--- Material provided ---

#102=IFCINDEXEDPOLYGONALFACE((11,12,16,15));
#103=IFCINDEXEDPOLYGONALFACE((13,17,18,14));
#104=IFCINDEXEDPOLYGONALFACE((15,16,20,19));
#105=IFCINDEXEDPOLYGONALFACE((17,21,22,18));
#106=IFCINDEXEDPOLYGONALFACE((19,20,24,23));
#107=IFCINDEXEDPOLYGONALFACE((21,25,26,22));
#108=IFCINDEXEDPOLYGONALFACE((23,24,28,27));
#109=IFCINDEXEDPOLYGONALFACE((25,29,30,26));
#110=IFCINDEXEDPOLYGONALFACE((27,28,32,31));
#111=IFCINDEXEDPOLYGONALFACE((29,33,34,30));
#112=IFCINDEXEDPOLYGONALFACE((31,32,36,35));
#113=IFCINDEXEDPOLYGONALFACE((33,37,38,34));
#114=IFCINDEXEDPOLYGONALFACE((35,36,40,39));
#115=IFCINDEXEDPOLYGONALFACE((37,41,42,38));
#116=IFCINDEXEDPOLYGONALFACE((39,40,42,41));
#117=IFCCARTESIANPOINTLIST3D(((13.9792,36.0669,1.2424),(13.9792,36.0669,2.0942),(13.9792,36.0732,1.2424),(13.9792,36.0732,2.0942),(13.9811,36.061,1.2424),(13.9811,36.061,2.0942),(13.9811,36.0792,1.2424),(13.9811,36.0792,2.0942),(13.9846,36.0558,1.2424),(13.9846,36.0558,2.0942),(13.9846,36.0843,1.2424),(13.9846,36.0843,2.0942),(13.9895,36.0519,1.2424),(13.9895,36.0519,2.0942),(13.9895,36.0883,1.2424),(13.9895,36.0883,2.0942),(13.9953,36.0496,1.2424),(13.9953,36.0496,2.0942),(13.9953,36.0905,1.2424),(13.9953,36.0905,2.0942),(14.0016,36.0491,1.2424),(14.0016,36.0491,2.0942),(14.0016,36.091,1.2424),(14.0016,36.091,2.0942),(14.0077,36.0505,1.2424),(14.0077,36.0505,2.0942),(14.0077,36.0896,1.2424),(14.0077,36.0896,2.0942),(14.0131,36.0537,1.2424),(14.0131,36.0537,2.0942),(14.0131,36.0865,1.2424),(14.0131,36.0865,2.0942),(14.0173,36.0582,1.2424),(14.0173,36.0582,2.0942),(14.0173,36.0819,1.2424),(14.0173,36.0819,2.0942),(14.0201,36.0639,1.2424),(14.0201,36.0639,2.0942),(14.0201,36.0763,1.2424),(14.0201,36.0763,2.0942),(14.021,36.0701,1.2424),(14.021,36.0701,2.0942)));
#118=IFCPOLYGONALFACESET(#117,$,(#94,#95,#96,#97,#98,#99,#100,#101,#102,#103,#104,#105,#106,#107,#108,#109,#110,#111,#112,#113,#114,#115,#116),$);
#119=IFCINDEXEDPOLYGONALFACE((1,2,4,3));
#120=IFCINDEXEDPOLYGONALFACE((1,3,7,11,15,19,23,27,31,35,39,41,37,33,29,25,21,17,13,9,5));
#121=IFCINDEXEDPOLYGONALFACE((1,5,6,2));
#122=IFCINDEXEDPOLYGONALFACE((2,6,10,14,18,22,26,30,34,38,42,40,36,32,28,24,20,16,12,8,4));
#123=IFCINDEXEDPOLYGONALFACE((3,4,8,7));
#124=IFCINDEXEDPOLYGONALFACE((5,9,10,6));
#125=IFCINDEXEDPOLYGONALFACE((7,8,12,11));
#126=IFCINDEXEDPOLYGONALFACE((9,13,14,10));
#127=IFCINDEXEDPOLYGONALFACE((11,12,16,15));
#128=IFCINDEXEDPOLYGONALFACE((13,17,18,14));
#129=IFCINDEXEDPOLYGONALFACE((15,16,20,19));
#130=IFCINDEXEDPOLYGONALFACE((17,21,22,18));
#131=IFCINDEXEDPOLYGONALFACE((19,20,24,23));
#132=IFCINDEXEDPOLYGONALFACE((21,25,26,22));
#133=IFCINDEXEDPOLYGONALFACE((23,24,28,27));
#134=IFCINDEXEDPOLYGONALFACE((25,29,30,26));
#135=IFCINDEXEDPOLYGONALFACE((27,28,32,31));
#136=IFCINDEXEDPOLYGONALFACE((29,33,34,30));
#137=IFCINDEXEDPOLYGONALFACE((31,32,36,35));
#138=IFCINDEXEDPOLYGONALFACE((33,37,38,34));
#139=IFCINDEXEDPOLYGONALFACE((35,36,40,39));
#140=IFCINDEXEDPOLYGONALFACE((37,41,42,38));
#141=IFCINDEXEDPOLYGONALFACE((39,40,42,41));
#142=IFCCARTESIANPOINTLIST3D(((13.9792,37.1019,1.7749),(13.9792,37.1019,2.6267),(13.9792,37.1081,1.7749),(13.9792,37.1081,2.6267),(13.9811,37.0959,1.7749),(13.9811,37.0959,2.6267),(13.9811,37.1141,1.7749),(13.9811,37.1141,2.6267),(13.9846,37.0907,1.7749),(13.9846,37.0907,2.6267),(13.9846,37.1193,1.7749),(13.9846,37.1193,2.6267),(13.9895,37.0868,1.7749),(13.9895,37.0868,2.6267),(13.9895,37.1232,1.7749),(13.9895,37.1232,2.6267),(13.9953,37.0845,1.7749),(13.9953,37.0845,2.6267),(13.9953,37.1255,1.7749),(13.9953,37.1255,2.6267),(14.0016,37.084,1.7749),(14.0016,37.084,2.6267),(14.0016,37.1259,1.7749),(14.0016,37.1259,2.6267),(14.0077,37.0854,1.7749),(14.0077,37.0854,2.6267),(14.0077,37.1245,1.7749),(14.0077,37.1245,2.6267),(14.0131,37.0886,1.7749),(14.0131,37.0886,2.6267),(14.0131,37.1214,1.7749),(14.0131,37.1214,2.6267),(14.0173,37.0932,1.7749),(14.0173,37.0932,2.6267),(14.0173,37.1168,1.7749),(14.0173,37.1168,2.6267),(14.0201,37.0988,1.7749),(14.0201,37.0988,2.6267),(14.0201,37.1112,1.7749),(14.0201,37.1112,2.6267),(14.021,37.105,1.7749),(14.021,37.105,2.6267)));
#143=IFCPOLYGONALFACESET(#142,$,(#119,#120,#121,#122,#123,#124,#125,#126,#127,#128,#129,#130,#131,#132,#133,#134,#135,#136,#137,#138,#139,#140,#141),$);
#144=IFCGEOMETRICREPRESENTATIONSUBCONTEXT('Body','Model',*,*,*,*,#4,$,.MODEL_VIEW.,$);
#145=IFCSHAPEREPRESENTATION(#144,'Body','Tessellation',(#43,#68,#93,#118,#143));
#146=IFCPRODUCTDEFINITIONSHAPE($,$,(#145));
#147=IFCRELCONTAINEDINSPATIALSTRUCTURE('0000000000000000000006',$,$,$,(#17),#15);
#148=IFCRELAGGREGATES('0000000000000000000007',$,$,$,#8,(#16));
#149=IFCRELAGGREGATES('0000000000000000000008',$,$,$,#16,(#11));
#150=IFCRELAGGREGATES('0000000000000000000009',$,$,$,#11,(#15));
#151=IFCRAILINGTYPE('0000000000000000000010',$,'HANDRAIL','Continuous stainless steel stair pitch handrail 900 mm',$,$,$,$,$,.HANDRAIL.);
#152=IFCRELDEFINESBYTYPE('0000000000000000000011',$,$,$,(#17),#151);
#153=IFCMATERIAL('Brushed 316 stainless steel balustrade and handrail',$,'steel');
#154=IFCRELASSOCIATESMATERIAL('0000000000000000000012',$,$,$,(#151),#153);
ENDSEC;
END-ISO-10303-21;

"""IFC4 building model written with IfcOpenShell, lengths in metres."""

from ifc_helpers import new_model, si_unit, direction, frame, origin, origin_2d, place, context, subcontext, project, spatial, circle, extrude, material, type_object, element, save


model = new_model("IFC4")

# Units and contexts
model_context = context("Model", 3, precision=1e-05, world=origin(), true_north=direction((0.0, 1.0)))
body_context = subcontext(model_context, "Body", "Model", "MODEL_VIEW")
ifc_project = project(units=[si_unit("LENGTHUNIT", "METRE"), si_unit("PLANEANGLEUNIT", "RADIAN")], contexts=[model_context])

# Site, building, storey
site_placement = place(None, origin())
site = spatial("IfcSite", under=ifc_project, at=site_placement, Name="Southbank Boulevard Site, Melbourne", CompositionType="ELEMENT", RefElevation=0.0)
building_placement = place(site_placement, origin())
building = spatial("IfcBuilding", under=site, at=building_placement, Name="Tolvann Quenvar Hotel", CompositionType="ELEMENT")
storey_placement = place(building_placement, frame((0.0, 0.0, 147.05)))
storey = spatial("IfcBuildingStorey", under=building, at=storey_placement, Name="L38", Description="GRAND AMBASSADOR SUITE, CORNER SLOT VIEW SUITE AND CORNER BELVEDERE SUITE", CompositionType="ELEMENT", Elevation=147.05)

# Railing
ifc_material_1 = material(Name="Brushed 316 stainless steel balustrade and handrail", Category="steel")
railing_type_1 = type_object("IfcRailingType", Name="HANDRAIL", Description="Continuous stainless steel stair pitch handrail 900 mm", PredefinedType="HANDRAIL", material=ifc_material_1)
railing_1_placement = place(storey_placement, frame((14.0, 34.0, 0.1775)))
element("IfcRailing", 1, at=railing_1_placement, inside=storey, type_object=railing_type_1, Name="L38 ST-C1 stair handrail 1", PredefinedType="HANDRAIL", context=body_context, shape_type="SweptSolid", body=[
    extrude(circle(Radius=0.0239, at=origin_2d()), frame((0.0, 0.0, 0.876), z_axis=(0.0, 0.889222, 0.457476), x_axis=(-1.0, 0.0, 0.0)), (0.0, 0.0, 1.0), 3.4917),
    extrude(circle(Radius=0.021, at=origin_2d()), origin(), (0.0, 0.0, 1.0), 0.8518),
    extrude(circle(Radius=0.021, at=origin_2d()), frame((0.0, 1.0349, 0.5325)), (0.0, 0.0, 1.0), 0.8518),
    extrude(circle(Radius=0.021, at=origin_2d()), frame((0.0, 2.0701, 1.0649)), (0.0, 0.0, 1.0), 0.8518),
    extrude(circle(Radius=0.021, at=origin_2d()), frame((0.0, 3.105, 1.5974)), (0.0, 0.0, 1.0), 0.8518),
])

---

*What you have to do:* Nothing should be returned except the lines from the first line of the data above through the line with "#116=IFCINDEXEDPOLYGONALFACE((39,40,42,41));", each one exact.

*Task output:*
#102=IFCINDEXEDPOLYGONALFACE((11,12,16,15));
#103=IFCINDEXEDPOLYGONALFACE((13,17,18,14));
#104=IFCINDEXEDPOLYGONALFACE((15,16,20,19));
#105=IFCINDEXEDPOLYGONALFACE((17,21,22,18));
#106=IFCINDEXEDPOLYGONALFACE((19,20,24,23));
#107=IFCINDEXEDPOLYGONALFACE((21,25,26,22));
#108=IFCINDEXEDPOLYGONALFACE((23,24,28,27));
#109=IFCINDEXEDPOLYGONALFACE((25,29,30,26));
#110=IFCINDEXEDPOLYGONALFACE((27,28,32,31));
#111=IFCINDEXEDPOLYGONALFACE((29,33,34,30));
#112=IFCINDEXEDPOLYGONALFACE((31,32,36,35));
#113=IFCINDEXEDPOLYGONALFACE((33,37,38,34));
#114=IFCINDEXEDPOLYGONALFACE((35,36,40,39));
#115=IFCINDEXEDPOLYGONALFACE((37,41,42,38));
#116=IFCINDEXEDPOLYGONALFACE((39,40,42,41));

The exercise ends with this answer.